(Saved data entries)
● ● ●
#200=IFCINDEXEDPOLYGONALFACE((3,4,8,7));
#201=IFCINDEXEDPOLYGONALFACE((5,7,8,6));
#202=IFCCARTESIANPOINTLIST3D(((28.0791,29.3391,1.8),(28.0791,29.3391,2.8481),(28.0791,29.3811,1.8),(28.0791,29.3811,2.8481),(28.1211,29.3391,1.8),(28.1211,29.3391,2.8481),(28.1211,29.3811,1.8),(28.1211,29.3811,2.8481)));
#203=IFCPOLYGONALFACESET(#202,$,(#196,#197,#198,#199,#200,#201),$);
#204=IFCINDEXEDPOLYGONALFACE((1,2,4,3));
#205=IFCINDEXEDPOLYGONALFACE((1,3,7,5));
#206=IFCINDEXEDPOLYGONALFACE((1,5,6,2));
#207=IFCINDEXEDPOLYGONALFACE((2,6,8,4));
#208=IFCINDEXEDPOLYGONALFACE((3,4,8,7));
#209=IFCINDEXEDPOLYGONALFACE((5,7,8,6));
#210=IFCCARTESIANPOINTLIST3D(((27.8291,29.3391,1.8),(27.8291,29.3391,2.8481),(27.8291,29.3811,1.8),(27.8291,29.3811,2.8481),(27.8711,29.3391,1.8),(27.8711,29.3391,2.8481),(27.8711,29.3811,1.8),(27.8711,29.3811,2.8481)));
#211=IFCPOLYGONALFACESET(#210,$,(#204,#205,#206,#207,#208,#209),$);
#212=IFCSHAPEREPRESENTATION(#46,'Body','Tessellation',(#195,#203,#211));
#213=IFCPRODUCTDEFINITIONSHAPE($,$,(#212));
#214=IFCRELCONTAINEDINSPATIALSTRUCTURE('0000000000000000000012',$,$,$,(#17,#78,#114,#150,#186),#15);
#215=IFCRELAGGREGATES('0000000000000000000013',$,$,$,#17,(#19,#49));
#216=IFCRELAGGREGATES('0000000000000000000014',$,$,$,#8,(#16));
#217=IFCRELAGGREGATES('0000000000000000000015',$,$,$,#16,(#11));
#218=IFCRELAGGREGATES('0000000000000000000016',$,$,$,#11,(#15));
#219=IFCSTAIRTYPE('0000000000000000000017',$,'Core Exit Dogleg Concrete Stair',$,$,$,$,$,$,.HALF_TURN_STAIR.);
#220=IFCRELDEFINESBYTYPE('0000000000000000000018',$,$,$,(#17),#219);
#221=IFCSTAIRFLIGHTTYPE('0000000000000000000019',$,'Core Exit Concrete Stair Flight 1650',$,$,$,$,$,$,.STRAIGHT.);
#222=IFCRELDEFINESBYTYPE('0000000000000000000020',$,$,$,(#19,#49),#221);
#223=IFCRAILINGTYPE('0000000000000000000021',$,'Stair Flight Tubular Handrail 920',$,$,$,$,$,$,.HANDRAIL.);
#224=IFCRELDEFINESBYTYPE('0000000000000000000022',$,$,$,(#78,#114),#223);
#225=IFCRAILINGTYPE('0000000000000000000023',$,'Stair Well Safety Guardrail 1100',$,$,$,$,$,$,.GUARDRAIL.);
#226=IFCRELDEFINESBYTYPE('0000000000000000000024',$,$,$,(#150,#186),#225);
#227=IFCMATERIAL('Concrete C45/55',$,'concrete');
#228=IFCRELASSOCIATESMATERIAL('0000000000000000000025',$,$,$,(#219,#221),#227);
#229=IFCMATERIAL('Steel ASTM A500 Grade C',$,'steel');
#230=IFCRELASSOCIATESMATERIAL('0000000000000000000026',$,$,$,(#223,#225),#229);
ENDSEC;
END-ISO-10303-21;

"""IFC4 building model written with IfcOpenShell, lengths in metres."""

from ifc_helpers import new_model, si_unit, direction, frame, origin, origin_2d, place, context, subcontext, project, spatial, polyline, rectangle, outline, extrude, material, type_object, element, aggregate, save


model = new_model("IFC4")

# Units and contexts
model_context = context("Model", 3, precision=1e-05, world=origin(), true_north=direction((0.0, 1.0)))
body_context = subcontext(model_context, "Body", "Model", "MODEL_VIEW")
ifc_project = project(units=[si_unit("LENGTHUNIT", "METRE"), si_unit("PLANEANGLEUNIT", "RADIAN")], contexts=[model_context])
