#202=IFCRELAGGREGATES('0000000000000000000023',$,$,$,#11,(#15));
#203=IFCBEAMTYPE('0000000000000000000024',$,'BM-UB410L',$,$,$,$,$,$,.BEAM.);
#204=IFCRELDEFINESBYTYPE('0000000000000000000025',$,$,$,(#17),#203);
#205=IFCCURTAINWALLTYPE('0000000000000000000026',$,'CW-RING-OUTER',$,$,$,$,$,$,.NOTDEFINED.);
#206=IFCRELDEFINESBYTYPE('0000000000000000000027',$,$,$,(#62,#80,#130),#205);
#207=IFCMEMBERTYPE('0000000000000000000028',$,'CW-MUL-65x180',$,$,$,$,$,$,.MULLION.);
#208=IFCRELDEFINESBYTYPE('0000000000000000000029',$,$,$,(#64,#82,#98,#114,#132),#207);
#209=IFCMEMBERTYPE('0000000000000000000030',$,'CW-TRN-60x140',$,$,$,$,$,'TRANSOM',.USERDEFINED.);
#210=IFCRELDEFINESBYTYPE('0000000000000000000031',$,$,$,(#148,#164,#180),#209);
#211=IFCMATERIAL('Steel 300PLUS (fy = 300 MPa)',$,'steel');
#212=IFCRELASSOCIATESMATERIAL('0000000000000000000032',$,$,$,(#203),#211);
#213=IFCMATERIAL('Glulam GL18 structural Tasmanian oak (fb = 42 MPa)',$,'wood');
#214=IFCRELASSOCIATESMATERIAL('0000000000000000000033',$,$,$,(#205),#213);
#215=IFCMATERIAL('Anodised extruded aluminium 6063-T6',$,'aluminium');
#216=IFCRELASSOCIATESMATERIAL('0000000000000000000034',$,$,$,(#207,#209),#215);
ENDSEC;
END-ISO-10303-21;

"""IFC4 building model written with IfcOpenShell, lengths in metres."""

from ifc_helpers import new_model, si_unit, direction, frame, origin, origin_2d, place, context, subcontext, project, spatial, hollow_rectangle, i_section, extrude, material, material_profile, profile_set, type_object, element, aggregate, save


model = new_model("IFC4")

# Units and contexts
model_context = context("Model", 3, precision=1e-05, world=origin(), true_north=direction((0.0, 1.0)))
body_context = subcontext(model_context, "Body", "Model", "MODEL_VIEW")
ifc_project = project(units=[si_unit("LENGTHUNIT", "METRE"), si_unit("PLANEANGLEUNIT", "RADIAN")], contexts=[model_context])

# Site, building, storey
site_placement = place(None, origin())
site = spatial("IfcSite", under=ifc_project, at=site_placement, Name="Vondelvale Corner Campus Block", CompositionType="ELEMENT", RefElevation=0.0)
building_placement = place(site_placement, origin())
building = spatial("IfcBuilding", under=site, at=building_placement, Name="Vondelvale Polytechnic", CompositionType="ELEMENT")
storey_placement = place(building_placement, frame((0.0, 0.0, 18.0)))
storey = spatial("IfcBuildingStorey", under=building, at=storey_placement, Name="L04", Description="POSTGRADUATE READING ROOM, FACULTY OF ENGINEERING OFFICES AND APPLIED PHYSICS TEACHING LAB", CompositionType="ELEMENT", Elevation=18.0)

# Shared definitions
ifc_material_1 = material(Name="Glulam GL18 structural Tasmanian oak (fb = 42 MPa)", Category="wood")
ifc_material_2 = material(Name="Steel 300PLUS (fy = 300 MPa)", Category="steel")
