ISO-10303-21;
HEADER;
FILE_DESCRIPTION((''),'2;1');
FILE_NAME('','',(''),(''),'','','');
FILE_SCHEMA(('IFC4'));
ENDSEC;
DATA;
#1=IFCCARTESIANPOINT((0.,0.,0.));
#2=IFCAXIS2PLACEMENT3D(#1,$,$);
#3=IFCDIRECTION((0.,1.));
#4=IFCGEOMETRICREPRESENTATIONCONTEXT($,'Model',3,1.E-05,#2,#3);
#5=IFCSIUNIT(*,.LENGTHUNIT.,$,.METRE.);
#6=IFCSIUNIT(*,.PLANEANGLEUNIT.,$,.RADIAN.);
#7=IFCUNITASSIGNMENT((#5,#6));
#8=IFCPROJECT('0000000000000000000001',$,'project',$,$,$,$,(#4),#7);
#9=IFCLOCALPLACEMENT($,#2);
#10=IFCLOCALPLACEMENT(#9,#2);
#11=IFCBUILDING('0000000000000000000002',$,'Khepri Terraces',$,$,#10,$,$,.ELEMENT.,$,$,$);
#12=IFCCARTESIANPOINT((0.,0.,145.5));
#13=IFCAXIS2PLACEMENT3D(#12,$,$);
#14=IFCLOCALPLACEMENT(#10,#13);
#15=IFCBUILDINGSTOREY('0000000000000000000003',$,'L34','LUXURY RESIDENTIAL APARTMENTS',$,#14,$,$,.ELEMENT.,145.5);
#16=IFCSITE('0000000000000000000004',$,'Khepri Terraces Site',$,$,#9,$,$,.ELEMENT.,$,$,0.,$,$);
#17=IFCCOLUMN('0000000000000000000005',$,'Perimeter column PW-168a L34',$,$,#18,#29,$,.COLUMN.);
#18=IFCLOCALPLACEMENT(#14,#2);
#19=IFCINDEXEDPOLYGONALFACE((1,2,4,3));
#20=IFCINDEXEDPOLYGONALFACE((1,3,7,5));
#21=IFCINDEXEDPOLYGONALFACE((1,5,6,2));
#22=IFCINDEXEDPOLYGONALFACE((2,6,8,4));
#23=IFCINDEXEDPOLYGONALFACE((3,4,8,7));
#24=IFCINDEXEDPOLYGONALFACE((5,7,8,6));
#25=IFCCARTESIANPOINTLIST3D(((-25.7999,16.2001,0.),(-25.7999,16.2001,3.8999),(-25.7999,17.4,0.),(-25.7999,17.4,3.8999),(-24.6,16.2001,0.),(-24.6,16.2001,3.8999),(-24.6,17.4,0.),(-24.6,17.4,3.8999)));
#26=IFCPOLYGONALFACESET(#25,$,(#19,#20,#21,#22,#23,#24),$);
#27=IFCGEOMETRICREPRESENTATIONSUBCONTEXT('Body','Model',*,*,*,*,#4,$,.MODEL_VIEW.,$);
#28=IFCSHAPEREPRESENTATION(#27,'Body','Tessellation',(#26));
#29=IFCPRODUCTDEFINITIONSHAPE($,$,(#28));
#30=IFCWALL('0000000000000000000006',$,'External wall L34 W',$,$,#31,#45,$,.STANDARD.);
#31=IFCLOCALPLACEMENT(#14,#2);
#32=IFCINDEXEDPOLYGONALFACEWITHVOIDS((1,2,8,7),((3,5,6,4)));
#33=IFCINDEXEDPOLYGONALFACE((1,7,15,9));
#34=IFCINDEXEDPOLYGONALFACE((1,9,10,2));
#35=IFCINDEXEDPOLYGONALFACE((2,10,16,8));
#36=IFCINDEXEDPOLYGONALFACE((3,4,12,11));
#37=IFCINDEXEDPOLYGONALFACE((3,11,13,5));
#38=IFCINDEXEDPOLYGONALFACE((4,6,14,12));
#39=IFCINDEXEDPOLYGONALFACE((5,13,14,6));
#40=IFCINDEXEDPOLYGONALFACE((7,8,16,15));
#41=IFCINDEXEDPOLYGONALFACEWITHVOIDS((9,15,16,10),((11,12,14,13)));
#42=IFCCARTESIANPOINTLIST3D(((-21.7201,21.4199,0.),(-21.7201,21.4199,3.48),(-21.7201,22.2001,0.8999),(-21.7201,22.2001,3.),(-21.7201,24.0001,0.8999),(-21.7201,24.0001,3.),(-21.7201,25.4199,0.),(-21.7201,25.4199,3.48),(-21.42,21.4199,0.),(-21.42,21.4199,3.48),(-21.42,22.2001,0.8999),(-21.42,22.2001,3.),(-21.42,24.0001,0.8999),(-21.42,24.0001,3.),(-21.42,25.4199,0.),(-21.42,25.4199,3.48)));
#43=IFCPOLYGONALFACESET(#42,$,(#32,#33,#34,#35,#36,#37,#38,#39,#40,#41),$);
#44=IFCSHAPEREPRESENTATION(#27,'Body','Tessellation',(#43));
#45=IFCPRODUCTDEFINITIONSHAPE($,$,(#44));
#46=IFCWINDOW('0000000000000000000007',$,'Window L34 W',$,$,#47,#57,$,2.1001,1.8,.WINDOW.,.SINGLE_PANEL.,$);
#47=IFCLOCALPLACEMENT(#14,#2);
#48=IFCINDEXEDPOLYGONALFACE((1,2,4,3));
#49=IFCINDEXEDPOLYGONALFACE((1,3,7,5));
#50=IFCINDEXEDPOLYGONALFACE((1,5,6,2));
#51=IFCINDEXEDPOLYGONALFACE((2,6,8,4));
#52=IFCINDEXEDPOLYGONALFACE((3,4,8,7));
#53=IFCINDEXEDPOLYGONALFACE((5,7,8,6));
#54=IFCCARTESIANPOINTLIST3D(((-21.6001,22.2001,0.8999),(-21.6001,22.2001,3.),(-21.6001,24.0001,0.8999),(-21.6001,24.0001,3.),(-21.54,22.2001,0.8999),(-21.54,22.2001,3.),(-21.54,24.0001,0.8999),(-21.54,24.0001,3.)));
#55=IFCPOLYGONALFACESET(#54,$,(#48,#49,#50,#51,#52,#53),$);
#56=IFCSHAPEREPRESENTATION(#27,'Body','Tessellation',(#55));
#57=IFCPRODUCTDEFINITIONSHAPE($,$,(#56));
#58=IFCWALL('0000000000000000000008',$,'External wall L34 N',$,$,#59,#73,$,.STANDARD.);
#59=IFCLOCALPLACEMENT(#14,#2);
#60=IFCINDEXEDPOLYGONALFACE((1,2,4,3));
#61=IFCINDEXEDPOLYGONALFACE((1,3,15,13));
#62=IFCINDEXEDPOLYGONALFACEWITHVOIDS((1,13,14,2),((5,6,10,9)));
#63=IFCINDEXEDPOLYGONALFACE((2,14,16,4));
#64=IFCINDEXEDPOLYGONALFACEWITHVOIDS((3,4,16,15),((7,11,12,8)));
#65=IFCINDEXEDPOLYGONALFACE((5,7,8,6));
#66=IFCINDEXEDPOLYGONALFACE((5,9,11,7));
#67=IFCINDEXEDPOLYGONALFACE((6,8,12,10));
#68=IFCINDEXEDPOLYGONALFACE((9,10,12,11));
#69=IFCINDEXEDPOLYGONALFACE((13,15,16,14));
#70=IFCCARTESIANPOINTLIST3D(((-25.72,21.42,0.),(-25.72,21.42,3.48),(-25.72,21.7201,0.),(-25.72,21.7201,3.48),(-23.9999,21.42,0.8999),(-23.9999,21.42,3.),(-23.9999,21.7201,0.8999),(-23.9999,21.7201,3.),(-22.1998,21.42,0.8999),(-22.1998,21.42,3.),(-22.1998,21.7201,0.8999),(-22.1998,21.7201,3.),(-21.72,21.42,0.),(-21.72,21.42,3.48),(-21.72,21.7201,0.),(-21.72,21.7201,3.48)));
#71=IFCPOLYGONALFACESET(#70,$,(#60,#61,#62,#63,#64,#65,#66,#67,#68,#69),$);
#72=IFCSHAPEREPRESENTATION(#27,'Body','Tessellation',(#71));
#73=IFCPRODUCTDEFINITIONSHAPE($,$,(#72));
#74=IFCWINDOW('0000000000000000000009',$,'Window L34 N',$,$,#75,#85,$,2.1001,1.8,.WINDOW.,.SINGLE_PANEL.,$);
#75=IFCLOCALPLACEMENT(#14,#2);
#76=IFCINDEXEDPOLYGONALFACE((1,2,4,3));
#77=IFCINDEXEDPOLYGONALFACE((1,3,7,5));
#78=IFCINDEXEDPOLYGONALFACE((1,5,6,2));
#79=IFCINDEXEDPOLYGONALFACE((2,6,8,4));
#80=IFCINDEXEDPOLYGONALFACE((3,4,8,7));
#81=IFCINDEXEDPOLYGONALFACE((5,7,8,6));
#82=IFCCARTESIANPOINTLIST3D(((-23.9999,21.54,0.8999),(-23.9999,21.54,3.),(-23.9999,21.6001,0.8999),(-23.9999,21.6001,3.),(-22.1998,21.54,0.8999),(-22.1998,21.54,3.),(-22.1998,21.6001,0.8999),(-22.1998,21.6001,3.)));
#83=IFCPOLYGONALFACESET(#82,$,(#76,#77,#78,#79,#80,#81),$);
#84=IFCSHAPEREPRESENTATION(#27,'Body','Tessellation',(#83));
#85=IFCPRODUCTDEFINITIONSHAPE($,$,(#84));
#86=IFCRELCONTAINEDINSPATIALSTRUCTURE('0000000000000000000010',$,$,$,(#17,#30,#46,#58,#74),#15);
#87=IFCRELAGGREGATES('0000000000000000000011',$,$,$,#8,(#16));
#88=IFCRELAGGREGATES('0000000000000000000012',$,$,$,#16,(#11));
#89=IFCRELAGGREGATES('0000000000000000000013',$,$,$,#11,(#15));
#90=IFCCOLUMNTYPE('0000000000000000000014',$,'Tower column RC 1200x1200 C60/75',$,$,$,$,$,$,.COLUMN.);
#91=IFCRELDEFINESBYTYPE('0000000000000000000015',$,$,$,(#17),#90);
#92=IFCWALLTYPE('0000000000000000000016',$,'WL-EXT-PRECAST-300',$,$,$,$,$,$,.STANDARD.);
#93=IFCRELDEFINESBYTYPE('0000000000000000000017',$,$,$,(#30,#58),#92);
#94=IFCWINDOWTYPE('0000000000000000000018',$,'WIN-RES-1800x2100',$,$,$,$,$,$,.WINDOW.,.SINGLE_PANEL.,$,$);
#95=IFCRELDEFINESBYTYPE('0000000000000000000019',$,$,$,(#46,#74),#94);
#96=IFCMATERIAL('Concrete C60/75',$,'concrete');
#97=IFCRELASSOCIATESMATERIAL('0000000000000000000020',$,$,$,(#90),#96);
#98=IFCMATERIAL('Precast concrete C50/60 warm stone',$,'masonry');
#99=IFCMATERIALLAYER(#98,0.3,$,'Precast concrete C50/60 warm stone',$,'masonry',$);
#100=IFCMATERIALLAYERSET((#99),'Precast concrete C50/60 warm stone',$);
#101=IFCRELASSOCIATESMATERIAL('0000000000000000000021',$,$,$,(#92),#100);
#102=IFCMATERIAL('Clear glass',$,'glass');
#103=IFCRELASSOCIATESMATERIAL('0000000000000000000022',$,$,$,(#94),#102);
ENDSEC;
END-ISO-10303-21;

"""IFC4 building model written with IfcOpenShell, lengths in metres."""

from ifc_helpers import new_model, si_unit, direction, frame, frame_2d, origin, origin_2d, place, context, subcontext, project, spatial, rectangle, extrude, material, layer, layer_set, material_profile, profile_set, type_object, element, fill, save


model = new_model("IFC4")

# Units and contexts
model_context = context("Model", 3, precision=1e-05, world=origin(), true_north=direction((0.0, 1.0)))
body_context = subcontext(model_context, "Body", "Model", "MODEL_VIEW")
ifc_project = project(units=[si_unit("LENGTHUNIT", "METRE"), si_unit("PLANEANGLEUNIT", "RADIAN")], contexts=[model_context])

# Site, building, storey
site_placement = place(None, origin())
site = spatial("IfcSite", under=ifc_project, at=site_placement, Name="Khepri Terraces Site", CompositionType="ELEMENT", RefElevation=0.0)
building_placement = place(site_placement, origin())
building = spatial("IfcBuilding", under=site, at=building_placement, Name="Khepri Terraces", CompositionType="ELEMENT")
storey_placement = place(building_placement, frame((0.0, 0.0, 145.5)))
storey = spatial("IfcBuildingStorey", under=building, at=storey_placement, Name="L34", Description="LUXURY RESIDENTIAL APARTMENTS", CompositionType="ELEMENT", Elevation=145.5)

# Column
ifc_material_1 = material(Name="Concrete C60/75", Category="concrete")
ifc_material_profile = material_profile(ifc_material_1, rectangle(XDim=1.2, YDim=1.2, at=origin_2d()), Name="Concrete C60/75", Category="concrete")
ifc_profile_set = profile_set([ifc_material_profile], Name="Concrete C60/75")
column_type = type_object("IfcColumnType", Name="Tower column RC 1200x1200 C60/75", PredefinedType="COLUMN", material=ifc_profile_set)
column_placement = place(storey_placement, frame((-25.2, 16.8, 0.0), z_axis=(0.0, 0.0, 1.0), x_axis=(1.0, 0.0, 0.0)))
element("IfcColumn", 1, at=column_placement, inside=storey, type_object=column_type, Name="Perimeter column PW-168a L34", PredefinedType="COLUMN", context=body_context, shape_type="SweptSolid", body=[
    extrude(rectangle(XDim=1.2, YDim=1.2, at=origin_2d()), origin(), (0.0, 0.0, 1.0), 3.8999),
])

# Walls, openings, windows
ifc_material_2 = material(Name="Precast concrete C50/60 warm stone", Category="masonry")
ifc_layer = layer(ifc_material_2, 0.3, Name="Precast concrete C50/60 warm stone", Category="masonry")
ifc_layer_set = layer_set([ifc_layer], Name="Precast concrete C50/60 warm stone")
wall_type = type_object("IfcWallType", Name="WL-EXT-PRECAST-300", PredefinedType="STANDARD", material=ifc_layer_set)
wall_1_placement = place(storey_placement, frame((-21.5701, 25.4199, 0.0), z_axis=(0.0, 0.0, 1.0), x_axis=(0.0, -1.0, 0.0)))
wall_1 = element("IfcWall", 2, at=wall_1_placement, inside=storey, type_object=wall_type, Name="External wall L34 W", PredefinedType="STANDARD", context=body_context, shape_type="SweptSolid", body=[
    extrude(rectangle(XDim=4.0, YDim=0.3, at=frame_2d((2.0, 0.0))), origin(), (0.0, 0.0, 1.0), 3.48),
])
opening_1_placement = place(wall_1_placement, frame((1.4199, 0.0, 0.8999)))
opening_1 = element("IfcOpeningElement", 3, at=opening_1_placement, cuts=wall_1, PredefinedType="OPENING", context=body_context, shape_type="SweptSolid", body=[
    extrude(rectangle(XDim=1.8, YDim=2.1001, at=frame_2d((0.8999, 1.05))), frame((0.0, 0.1602, 0.0), z_axis=(0.0, -1.0, 0.0), x_axis=(1.0, 0.0, 0.0)), (0.0, 0.0, 1.0), 0.3201),
])
ifc_material_3 = material(Name="Clear glass", Category="glass")
window_type = type_object("IfcWindowType", Name="WIN-RES-1800x2100", PartitioningType="SINGLE_PANEL", PredefinedType="WINDOW", material=ifc_material_3)
window_1_placement = place(opening_1_placement, origin())
window_1 = element("IfcWindow", 4, at=window_1_placement, inside=storey, type_object=window_type, Name="Window L34 W", OverallHeight=2.1001, OverallWidth=1.8, PartitioningType="SINGLE_PANEL", PredefinedType="WINDOW", context=body_context, shape_type="SweptSolid", body=[
    extrude(rectangle(XDim=1.8, YDim=2.1001, at=frame_2d((0.8999, 1.05))), frame((0.0, 0.03, 0.0), z_axis=(0.0, -1.0, 0.0), x_axis=(1.0, 0.0, 0.0)), (0.0, 0.0, 1.0), 0.0601),
])
fill(opening_1, window_1)
wall_2_placement = place(storey_placement, frame((-21.72, 21.5701, 0.0), z_axis=(0.0, 0.0, 1.0), x_axis=(-1.0, 0.0, 0.0)))
wall_2 = element("IfcWall", 5, at=wall_2_placement, inside=storey, type_object=wall_type, Name="External wall L34 N", PredefinedType="STANDARD", context=body_context, shape_type="SweptSolid", body=[
    extrude(rectangle(XDim=4.0, YDim=0.3, at=frame_2d((2.0, 0.0))), origin(), (0.0, 0.0, 1.0), 3.48),
])
opening_2_placement = place(wall_2_placement, frame((0.48, 0.0, 0.8999)))
opening_2 = element("IfcOpeningElement", 6, at=opening_2_placement, cuts=wall_2, PredefinedType="OPENING", context=body_context, shape_type="SweptSolid", body=[
    extrude(rectangle(XDim=1.8, YDim=2.1001, at=frame_2d((0.8999, 1.05))), frame((0.0, 0.1602, 0.0), z_axis=(0.0, -1.0, 0.0), x_axis=(1.0, 0.0, 0.0)), (0.0, 0.0, 1.0), 0.3201),
])
window_2_placement = place(opening_2_placement, origin())
window_2 = element("IfcWindow", 7, at=window_2_placement, inside=storey, type_object=window_type, Name="Window L34 N", OverallHeight=2.1001, OverallWidth=1.8, PartitioningType="SINGLE_PANEL", PredefinedType="WINDOW", context=body_context, shape_type="SweptSolid", body=[
    extrude(rectangle(XDim=1.8, YDim=2.1001, at=frame_2d((0.8999, 1.05))), frame((0.0, 0.03, 0.0), z_axis=(0.0, -1.0, 0.0), x_axis=(1.0, 0.0, 0.0)), (0.0, 0.0, 1.0), 0.0601),
])
fill(opening_2, window_2)

save(model, "model.ifc")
● ● ●
Find the lines in the entries above where "IFCMEMBERTYPE" occurs, and copy each of them.

#207=IFCMEMBERTYPE('0000000000000000000028',$,'CW-MUL-65x180',$,$,$,$,$,$,.MULLION.);
#209=IFCMEMBERTYPE('0000000000000000000030',$,'CW-TRN-60x140',$,$,$,$,$,'TRANSOM',.USERDEFINED.);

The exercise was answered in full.